(The records)

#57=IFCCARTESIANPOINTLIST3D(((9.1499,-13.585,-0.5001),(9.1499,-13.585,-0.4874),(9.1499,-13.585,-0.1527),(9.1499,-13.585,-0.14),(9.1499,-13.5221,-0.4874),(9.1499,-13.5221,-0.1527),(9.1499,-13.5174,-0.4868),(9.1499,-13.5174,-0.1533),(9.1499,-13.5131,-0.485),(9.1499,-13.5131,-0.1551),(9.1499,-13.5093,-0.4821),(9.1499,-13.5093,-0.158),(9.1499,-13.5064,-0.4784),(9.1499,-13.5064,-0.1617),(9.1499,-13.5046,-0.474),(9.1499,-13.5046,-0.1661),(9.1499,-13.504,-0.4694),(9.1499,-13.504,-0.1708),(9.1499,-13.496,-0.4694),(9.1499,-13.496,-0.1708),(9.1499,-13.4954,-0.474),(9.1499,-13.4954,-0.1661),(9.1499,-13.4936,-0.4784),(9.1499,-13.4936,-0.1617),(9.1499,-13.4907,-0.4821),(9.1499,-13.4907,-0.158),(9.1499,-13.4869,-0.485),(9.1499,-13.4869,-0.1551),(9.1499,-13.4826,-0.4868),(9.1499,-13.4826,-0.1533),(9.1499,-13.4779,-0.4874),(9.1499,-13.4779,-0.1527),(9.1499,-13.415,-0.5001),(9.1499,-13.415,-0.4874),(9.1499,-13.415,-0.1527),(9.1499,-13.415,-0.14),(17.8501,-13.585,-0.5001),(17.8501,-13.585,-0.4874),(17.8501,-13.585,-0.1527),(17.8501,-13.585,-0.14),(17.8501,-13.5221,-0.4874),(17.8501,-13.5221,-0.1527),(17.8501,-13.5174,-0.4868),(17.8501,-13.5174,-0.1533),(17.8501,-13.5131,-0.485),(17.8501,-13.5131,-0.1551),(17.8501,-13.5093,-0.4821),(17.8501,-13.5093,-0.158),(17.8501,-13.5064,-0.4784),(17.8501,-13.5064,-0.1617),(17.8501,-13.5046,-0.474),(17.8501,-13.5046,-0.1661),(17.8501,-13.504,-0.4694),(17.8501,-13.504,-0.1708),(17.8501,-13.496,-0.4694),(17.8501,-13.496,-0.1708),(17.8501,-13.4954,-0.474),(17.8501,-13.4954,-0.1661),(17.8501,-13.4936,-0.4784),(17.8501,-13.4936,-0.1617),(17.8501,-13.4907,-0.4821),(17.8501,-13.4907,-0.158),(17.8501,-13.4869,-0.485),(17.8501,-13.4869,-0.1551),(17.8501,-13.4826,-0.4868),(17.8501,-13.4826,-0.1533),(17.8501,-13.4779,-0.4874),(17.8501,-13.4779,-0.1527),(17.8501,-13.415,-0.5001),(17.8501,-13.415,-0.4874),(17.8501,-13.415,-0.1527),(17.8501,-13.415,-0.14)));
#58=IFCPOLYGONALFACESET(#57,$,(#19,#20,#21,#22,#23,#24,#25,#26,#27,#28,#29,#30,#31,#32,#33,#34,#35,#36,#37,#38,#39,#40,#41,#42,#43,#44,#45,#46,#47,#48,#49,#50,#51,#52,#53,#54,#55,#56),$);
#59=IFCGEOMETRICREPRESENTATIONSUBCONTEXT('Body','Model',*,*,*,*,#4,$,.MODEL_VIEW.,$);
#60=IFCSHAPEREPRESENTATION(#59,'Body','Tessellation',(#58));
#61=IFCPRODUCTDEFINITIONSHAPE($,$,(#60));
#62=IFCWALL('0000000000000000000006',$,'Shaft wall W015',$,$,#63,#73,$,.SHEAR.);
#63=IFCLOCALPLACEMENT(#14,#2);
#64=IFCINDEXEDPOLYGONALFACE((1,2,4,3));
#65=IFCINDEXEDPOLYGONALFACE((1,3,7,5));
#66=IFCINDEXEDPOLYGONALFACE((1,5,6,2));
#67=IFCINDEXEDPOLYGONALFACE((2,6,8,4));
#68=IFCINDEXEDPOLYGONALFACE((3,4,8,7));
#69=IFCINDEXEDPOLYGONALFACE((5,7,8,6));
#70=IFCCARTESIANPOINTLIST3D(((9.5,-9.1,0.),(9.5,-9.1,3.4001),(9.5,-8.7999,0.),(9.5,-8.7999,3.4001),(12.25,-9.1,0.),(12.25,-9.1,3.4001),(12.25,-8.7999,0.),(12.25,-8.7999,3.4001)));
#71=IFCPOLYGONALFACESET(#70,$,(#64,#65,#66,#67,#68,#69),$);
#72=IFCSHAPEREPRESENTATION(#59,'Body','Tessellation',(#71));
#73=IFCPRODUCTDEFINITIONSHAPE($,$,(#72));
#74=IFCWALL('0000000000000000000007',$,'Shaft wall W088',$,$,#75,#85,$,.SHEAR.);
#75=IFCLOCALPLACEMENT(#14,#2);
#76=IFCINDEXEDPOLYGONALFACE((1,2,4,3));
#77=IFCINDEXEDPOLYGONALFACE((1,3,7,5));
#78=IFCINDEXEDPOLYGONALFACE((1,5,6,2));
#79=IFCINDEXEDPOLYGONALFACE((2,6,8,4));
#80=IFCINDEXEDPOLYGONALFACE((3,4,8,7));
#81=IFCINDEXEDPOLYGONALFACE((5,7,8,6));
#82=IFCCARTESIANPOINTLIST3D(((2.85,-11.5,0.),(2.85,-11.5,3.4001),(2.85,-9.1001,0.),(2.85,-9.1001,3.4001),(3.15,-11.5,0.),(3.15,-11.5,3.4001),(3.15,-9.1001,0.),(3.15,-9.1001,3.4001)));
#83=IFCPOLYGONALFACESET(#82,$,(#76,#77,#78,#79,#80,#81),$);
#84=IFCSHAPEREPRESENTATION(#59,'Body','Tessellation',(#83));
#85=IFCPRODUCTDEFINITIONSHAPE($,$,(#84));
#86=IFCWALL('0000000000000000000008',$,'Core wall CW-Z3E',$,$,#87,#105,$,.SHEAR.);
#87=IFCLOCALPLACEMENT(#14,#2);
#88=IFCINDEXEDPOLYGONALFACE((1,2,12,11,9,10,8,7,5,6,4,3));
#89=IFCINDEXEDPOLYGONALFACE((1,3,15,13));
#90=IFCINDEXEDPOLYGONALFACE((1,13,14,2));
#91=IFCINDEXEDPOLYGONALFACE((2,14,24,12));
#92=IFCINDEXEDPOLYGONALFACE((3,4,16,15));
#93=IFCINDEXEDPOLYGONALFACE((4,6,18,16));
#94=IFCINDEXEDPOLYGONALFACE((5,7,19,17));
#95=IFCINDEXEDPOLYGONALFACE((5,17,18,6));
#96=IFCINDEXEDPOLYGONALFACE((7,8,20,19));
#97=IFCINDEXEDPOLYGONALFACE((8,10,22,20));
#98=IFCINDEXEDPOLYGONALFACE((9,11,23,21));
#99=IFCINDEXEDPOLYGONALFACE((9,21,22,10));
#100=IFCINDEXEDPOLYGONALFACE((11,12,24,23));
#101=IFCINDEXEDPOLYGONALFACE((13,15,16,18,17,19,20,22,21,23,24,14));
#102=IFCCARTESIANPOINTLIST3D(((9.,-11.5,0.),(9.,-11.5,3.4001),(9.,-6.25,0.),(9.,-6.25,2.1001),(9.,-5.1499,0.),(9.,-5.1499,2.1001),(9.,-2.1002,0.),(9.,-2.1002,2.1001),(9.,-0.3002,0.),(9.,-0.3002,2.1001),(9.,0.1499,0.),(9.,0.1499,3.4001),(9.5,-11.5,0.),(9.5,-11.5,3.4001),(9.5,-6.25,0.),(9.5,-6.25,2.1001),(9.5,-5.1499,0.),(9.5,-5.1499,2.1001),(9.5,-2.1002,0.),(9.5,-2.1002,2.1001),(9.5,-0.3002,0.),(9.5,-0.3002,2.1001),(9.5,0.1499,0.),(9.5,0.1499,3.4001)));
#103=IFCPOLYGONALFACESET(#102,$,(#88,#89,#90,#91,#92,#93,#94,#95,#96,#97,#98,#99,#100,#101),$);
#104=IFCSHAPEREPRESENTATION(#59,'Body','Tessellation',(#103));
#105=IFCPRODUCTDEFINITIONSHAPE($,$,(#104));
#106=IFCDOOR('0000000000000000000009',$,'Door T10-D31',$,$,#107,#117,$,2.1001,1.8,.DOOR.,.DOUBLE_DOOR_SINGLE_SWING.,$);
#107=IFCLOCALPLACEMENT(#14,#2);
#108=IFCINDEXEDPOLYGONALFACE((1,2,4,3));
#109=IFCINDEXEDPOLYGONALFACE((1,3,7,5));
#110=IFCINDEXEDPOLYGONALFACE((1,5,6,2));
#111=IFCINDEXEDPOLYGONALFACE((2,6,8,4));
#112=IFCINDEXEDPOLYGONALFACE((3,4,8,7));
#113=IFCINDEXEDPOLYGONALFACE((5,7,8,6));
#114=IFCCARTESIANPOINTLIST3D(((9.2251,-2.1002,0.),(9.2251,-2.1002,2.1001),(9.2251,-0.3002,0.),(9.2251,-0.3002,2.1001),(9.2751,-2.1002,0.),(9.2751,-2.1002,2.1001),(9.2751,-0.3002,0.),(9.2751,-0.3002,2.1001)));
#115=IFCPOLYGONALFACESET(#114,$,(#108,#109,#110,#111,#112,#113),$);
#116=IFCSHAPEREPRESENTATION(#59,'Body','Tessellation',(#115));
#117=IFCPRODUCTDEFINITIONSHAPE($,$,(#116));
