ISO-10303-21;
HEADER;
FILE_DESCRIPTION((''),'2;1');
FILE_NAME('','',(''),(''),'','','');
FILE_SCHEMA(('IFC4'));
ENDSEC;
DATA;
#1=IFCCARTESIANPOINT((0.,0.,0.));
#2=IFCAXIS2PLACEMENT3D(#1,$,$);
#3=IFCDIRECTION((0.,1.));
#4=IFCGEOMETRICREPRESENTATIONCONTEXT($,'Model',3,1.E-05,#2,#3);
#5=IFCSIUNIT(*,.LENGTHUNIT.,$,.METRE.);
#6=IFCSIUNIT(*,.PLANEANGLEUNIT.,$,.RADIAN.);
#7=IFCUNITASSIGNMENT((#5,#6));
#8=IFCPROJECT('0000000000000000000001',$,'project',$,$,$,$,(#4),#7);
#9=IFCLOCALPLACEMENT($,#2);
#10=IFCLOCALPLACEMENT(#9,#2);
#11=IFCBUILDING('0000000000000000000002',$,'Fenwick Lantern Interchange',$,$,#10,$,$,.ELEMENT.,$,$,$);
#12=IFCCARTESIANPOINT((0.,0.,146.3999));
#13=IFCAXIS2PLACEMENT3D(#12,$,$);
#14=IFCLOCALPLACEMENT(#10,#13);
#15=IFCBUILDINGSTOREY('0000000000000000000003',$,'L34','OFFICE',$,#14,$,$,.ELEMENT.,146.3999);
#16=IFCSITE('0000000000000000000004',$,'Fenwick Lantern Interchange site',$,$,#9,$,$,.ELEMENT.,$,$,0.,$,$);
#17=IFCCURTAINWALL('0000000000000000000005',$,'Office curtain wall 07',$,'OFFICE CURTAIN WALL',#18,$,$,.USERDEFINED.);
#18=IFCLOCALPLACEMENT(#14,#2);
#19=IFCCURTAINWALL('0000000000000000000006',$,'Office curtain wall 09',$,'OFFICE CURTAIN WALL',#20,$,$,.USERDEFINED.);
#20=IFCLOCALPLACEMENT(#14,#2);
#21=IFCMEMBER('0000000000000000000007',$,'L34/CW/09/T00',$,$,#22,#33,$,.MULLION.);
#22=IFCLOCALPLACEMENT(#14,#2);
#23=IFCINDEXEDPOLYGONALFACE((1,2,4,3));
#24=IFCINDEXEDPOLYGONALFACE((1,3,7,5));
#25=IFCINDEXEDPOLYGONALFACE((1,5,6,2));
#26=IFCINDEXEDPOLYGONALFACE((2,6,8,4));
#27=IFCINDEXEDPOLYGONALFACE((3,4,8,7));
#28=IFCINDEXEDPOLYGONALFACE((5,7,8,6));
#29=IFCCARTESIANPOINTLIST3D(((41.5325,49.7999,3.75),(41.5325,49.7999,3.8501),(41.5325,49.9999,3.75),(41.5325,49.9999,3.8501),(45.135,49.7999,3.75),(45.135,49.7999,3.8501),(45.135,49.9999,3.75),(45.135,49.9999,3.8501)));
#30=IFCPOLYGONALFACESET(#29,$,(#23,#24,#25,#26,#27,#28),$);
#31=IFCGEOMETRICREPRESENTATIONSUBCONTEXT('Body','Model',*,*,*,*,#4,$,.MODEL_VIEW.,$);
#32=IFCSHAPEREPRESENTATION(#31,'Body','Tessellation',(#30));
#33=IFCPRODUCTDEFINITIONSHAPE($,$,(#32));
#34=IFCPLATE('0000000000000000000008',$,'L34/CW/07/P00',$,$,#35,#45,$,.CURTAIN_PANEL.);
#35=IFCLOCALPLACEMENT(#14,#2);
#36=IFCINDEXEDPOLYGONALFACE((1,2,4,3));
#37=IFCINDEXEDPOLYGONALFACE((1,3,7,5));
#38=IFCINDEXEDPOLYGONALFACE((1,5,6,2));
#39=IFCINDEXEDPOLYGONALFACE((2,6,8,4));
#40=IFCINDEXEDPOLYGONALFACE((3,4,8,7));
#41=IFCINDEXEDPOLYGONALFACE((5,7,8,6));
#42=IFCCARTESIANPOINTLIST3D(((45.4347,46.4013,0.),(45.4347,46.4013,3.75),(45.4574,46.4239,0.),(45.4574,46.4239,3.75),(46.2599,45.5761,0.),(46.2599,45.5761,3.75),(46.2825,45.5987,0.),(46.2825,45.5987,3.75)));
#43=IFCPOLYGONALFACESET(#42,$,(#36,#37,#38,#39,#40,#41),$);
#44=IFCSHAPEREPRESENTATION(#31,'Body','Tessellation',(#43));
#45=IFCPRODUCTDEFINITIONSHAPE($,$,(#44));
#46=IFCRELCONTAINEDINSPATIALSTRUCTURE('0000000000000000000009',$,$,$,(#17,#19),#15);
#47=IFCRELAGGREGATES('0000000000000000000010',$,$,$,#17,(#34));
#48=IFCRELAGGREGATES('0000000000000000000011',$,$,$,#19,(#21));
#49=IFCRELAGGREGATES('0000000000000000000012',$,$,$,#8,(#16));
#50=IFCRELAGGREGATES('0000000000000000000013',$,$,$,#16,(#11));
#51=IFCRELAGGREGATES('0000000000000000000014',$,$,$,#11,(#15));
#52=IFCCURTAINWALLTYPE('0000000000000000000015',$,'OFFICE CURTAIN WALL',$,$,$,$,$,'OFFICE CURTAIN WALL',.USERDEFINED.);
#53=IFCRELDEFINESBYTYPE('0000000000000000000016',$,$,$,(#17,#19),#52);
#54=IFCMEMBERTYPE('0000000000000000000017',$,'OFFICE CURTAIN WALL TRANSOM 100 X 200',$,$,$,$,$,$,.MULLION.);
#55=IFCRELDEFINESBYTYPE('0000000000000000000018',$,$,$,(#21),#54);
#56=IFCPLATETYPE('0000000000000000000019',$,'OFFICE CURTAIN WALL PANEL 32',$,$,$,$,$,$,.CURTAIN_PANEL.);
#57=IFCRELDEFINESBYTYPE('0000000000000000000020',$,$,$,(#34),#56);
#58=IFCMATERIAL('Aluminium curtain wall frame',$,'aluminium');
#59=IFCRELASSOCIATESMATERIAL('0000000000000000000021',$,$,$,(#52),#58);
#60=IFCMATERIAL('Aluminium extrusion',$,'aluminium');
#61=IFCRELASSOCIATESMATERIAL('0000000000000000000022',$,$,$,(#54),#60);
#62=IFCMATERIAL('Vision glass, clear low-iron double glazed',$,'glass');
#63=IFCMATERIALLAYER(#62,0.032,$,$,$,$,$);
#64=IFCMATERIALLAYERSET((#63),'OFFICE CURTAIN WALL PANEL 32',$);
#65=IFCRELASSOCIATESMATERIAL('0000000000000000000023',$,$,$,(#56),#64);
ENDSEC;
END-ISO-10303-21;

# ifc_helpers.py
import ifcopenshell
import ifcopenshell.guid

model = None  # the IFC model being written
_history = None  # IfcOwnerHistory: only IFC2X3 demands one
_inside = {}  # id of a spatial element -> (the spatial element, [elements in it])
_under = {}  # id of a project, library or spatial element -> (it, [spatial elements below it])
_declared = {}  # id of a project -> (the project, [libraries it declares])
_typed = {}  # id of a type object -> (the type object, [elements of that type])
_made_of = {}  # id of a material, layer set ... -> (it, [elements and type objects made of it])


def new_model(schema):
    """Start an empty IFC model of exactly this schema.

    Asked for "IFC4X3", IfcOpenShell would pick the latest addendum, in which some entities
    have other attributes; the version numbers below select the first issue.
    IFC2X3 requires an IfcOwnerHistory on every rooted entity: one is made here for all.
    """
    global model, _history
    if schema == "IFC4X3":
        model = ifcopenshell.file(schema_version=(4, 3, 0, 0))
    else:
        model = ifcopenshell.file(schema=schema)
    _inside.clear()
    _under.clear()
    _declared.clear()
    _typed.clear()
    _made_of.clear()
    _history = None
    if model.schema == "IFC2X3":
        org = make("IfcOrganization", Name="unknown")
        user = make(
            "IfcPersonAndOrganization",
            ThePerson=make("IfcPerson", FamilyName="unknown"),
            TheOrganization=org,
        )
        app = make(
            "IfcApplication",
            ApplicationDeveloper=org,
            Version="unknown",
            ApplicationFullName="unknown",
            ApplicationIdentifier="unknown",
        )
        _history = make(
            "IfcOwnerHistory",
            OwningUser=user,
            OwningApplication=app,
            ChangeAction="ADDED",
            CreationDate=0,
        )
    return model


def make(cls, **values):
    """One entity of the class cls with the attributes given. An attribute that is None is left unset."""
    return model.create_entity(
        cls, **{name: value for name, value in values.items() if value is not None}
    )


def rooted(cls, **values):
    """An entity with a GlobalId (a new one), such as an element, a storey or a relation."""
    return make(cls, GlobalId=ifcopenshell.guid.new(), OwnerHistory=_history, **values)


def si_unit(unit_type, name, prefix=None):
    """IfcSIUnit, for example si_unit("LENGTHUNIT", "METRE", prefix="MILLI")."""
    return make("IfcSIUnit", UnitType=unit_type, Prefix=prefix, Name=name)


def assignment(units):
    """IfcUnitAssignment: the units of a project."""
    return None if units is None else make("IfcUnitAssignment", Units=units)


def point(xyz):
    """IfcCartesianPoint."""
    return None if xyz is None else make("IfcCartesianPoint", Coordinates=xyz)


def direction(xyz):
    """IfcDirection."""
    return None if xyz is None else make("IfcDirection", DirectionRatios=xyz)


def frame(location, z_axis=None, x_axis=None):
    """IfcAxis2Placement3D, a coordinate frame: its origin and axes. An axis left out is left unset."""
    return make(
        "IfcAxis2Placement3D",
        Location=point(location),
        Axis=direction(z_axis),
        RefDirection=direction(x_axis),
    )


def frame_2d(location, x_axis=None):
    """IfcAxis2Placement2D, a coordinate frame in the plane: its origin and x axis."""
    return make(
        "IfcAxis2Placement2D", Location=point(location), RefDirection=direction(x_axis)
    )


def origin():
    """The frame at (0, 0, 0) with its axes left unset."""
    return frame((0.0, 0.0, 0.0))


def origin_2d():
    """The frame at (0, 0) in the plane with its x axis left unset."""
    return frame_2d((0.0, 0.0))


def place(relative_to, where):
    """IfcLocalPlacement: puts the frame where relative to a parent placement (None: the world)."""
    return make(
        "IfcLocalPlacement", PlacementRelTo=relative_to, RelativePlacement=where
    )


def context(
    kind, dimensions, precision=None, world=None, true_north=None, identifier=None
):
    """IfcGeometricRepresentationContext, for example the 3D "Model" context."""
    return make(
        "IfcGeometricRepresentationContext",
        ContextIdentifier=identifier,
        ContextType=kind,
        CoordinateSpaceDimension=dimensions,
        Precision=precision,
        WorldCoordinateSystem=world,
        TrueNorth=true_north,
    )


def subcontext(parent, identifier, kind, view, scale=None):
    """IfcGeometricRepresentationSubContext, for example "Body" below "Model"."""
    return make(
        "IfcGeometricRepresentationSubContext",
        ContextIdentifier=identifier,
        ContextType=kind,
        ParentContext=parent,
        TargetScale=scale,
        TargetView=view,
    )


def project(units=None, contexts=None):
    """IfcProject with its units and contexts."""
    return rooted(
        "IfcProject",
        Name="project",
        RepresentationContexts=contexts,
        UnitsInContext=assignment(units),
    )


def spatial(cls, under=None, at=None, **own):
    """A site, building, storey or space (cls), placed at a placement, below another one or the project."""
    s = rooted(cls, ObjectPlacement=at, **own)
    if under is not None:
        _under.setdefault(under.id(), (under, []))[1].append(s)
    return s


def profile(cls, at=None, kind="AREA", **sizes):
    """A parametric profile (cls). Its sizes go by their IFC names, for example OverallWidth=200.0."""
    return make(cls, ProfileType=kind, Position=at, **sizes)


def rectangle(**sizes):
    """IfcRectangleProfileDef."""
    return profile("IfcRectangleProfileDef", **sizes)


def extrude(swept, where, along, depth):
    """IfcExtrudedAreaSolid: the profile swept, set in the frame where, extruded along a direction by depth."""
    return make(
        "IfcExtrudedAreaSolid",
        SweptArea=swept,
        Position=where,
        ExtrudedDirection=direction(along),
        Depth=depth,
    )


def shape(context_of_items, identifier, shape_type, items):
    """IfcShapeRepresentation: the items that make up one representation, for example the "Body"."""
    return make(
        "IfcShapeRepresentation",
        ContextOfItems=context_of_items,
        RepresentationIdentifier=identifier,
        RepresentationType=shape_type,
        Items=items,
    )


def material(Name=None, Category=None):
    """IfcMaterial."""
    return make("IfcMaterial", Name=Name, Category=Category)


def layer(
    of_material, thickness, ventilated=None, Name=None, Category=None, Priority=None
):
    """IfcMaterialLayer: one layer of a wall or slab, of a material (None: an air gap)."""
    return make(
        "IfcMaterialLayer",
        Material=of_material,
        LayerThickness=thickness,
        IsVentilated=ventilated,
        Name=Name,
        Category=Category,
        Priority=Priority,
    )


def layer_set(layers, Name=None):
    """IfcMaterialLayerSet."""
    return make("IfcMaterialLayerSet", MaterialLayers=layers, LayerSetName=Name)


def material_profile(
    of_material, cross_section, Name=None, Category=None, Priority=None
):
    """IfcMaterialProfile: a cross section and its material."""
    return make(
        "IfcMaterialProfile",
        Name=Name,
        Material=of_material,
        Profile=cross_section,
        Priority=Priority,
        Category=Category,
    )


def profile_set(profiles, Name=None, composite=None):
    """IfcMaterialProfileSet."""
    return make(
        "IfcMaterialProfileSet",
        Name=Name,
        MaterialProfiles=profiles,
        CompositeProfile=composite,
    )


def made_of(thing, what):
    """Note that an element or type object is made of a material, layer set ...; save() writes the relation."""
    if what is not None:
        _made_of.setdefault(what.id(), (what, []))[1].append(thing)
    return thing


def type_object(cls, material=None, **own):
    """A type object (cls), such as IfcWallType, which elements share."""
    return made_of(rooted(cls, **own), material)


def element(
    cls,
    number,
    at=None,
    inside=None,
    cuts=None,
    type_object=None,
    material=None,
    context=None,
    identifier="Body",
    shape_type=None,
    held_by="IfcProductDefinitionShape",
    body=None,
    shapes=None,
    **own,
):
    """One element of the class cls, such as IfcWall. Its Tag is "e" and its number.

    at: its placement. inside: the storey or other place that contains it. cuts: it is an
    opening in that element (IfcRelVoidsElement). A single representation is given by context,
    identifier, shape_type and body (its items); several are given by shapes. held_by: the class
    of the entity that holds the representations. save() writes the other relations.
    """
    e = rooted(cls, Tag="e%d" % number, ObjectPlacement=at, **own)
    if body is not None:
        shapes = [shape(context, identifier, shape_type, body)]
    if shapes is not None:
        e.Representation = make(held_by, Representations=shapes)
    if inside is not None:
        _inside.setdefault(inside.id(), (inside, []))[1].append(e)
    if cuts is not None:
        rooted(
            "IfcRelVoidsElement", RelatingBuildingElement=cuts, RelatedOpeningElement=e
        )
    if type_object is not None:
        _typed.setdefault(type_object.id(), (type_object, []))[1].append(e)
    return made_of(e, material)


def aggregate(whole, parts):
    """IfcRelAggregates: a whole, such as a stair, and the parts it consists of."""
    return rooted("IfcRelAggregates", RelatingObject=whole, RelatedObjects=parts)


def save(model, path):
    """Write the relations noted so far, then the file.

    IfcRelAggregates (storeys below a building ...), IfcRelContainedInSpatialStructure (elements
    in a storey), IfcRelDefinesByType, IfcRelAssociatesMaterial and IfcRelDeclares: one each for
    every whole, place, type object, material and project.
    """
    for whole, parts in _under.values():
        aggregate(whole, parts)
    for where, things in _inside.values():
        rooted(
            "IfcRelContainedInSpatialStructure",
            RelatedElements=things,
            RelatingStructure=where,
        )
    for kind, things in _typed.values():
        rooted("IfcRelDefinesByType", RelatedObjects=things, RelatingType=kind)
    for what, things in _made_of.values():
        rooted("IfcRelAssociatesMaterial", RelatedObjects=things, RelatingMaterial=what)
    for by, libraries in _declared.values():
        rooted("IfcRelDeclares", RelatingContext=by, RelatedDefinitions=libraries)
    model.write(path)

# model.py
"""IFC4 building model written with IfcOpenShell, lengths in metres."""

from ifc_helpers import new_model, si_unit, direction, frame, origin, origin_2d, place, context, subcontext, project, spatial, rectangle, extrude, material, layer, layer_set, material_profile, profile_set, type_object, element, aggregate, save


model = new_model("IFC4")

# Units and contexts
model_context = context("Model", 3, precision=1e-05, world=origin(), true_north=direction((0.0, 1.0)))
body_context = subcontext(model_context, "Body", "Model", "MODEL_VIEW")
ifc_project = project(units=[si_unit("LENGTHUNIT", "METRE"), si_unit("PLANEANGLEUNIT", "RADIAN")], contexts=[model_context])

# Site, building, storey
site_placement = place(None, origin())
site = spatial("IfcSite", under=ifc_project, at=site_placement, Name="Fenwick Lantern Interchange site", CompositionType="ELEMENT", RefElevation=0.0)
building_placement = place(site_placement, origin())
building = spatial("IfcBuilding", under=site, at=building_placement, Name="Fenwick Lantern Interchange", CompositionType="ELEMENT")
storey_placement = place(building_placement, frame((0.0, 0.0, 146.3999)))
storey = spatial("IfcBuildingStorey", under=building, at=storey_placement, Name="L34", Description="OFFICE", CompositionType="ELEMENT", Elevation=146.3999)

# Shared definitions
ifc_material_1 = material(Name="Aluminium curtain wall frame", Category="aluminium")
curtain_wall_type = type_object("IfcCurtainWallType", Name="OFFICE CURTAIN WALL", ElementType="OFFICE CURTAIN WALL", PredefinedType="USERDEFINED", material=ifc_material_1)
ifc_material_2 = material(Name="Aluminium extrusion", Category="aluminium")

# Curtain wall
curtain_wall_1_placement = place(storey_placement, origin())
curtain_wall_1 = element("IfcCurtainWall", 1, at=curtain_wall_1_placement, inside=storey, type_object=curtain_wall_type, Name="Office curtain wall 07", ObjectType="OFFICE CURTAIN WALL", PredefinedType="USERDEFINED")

(End The records)

## What to work on
Among the lines of the data, identify those with the word "every". Copy each of them.

## Exercise solution
    IFC2X3 requires an IfcOwnerHistory on every rooted entity: one is made here for all.
    every whole, place, type object, material and project.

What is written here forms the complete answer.